■ ACTION ITEM
Among the entries below, take the line with "#207=IFCMATERIAL('Steel S275',$,'steel');" and the line with "building model written", and output them and every line between them exactly, with nothing else.

[Stored items]
——————————
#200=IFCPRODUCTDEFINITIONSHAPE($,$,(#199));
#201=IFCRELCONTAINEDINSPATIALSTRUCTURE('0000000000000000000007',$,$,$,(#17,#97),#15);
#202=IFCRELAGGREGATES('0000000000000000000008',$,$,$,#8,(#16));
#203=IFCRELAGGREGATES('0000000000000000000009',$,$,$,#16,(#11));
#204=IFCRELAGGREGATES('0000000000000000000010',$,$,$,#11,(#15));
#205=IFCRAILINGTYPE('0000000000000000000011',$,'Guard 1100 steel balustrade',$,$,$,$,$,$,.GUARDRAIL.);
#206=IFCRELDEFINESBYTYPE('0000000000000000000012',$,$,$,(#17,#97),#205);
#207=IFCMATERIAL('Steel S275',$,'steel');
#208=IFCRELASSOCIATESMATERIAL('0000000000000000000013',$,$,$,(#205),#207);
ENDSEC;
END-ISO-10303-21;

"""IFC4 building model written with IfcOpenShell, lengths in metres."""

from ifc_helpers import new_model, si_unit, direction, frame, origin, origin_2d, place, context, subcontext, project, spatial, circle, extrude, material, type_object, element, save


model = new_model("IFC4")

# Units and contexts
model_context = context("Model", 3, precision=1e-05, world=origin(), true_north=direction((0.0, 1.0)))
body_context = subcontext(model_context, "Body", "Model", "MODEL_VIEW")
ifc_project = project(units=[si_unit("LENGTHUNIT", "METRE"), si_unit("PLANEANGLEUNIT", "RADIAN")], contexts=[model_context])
——————————
■ OUTPUT OF THE EXERCISE
#207=IFCMATERIAL('Steel S275',$,'steel');
#208=IFCRELASSOCIATESMATERIAL('0000000000000000000013',$,$,$,(#205),#207);
ENDSEC;
END-ISO-10303-21;

"""IFC4 building model written with IfcOpenShell, lengths in metres."""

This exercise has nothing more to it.